In the entries below, how many lines contain the word "IFCSHAPEREPRESENTATION"? State the number and nothing more.
-- TASK INPUT follows --
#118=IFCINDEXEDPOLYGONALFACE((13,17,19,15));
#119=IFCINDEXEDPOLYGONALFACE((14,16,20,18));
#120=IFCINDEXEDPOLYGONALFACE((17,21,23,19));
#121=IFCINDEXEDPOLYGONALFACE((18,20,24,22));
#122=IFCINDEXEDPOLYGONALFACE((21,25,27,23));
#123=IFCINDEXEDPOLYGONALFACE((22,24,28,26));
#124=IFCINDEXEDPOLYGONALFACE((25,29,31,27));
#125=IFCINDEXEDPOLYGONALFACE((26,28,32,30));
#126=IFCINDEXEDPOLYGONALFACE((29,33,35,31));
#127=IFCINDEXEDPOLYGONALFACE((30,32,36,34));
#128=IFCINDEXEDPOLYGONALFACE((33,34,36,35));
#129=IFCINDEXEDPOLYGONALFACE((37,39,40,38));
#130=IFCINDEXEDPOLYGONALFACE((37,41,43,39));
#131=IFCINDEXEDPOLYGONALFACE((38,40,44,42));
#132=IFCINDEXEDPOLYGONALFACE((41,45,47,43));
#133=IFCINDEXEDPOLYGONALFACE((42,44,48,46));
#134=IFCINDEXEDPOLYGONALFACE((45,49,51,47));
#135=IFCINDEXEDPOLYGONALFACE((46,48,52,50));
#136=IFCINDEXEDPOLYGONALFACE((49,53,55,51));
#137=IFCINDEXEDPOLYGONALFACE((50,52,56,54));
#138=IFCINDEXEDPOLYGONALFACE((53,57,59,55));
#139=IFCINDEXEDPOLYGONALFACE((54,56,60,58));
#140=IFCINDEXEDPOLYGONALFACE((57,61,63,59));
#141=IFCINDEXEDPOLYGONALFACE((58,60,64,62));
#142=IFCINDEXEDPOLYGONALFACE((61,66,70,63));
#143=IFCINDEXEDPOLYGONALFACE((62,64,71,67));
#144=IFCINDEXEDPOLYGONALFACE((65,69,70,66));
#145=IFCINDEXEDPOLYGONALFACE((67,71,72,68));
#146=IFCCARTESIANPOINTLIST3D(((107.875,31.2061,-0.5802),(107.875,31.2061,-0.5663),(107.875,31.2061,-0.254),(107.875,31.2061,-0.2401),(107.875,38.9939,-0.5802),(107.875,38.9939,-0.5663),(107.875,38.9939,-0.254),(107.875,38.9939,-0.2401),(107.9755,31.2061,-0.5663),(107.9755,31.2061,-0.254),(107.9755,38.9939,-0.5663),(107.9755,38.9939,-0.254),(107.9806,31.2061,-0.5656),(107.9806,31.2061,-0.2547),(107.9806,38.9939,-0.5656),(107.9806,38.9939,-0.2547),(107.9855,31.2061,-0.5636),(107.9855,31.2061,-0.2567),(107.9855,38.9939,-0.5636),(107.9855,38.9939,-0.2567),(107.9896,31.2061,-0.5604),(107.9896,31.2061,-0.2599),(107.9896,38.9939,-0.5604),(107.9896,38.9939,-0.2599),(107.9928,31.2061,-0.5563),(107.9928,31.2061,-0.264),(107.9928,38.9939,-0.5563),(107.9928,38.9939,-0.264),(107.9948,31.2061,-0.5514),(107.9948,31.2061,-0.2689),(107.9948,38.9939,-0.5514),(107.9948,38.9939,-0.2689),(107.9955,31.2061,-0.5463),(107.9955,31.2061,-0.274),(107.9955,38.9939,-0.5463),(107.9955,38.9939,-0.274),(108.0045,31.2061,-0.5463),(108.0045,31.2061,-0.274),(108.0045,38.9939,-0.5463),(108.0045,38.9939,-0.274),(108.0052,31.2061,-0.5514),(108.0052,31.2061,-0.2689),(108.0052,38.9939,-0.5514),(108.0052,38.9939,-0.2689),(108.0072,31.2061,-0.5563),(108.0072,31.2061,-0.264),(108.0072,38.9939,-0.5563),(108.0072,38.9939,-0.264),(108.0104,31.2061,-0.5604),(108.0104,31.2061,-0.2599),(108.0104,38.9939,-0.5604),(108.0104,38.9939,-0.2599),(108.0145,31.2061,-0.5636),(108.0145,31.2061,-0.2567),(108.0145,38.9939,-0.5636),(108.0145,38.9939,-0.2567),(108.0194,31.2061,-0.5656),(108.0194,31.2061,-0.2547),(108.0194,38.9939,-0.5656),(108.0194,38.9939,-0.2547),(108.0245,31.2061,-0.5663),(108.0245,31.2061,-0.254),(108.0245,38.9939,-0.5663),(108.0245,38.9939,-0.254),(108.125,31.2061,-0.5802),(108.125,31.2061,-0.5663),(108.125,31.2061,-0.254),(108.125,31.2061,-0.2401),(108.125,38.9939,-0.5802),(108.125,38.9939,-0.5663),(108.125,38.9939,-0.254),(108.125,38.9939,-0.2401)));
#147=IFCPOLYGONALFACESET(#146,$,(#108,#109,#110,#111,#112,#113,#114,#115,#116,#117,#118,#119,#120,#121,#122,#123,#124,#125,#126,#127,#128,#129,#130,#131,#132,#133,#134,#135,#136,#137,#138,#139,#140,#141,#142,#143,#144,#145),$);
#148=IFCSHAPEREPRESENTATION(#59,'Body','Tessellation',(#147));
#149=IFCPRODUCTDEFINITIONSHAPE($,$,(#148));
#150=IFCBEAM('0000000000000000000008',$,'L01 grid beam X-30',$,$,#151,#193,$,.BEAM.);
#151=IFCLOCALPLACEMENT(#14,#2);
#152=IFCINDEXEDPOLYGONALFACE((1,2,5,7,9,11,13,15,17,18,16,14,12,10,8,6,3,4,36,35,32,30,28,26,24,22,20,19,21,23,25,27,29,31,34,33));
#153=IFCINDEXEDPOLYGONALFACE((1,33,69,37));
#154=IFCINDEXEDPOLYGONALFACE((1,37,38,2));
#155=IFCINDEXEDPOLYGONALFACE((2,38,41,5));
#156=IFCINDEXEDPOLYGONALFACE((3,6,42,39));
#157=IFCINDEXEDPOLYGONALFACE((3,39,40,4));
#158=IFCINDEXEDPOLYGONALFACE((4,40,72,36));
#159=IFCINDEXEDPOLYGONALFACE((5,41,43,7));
-- TASK INPUT concluded --
-- TASK INPUT follows --
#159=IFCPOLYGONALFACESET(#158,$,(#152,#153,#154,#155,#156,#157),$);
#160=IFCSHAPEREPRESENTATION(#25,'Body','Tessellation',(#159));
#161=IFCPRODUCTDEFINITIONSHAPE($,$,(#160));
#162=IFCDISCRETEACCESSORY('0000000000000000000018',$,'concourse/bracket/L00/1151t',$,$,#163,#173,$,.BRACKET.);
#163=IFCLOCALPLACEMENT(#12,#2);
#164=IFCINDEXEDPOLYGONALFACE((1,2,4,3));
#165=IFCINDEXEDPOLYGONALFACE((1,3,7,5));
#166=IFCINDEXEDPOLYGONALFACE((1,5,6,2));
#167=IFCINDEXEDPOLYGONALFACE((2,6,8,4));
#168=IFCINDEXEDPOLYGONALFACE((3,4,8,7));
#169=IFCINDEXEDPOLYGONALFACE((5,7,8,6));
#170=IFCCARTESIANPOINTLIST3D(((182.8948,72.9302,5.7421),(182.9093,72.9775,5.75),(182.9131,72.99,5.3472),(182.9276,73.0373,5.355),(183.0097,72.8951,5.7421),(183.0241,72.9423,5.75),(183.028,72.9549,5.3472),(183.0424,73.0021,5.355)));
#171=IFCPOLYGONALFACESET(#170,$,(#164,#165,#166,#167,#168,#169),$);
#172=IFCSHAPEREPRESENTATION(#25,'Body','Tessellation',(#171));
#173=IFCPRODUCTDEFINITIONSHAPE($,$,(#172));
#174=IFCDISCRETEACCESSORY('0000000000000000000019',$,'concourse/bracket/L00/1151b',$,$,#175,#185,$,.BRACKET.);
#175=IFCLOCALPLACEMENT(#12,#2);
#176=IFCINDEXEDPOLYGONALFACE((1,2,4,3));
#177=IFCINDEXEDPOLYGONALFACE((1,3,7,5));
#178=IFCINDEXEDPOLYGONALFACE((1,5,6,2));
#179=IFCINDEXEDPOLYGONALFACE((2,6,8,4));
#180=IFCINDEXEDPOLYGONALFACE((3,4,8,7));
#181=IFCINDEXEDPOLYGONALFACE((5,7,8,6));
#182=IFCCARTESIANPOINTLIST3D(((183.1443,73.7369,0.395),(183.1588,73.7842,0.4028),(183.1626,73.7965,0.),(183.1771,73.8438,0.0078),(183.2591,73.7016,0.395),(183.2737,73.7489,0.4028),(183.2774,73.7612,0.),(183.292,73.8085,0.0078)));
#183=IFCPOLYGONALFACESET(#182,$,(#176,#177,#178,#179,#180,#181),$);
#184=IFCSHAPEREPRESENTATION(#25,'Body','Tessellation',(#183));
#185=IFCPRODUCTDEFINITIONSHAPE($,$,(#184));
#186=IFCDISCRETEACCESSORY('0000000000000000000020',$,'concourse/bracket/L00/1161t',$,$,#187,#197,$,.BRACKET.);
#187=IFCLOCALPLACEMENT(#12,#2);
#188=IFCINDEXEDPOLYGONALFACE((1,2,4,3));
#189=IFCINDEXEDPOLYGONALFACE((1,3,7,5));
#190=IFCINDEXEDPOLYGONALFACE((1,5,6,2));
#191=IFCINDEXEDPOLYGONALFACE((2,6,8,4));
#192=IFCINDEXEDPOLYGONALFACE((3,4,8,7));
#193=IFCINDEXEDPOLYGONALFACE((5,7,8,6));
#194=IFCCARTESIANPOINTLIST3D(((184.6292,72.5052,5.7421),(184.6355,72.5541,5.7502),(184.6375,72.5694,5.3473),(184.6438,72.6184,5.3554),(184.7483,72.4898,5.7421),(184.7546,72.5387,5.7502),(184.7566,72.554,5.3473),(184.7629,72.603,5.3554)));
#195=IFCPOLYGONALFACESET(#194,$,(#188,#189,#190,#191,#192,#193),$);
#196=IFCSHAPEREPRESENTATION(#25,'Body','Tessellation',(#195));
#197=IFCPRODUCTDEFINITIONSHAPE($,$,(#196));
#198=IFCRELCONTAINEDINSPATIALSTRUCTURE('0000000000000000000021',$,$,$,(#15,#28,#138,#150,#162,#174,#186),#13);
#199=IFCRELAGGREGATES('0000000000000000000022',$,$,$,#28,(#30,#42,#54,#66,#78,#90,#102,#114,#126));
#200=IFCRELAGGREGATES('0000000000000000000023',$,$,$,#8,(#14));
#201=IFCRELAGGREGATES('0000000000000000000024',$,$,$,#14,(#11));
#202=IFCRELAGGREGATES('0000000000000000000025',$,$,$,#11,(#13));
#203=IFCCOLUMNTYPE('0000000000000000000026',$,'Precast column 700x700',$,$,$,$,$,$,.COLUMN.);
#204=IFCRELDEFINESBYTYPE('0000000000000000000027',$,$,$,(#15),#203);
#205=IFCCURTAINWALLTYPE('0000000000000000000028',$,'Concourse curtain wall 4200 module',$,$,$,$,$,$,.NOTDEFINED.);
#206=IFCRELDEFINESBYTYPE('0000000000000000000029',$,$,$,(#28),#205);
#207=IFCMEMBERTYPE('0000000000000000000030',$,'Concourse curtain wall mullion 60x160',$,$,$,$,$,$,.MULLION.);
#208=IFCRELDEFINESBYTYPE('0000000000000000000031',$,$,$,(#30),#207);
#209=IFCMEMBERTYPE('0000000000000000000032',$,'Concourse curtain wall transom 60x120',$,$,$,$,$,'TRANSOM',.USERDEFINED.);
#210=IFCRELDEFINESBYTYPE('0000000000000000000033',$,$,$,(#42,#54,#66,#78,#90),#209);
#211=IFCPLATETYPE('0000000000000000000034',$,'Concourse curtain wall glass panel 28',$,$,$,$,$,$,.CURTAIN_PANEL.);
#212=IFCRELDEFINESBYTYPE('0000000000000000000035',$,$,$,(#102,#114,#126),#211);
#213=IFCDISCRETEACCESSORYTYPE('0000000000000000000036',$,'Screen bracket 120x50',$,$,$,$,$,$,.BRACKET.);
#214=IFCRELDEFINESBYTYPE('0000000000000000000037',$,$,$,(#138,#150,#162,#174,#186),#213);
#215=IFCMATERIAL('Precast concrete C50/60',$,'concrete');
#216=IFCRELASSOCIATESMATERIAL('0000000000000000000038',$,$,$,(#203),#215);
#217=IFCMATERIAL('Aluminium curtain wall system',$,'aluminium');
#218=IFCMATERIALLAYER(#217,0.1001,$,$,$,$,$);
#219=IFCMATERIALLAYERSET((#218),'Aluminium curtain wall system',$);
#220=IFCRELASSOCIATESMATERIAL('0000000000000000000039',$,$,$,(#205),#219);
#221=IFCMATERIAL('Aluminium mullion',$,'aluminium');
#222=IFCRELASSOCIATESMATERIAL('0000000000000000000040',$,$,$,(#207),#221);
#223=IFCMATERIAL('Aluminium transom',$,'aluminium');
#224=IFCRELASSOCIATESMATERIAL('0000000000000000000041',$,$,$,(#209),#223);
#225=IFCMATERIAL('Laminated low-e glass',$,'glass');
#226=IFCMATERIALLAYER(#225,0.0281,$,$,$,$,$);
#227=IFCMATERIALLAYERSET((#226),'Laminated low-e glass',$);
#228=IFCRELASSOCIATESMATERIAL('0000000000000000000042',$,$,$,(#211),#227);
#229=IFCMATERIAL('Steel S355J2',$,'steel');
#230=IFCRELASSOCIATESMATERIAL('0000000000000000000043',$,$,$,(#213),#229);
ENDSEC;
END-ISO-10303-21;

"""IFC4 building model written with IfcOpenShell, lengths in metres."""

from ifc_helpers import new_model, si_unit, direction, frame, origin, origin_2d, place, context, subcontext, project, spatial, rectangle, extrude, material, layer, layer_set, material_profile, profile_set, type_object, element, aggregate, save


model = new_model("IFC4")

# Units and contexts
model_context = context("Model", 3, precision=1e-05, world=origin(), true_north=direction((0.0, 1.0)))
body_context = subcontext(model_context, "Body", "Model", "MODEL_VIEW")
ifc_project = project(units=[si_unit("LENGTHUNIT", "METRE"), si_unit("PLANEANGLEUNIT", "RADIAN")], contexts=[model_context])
-- TASK INPUT concluded --
** WRITTEN RESPONSE **
5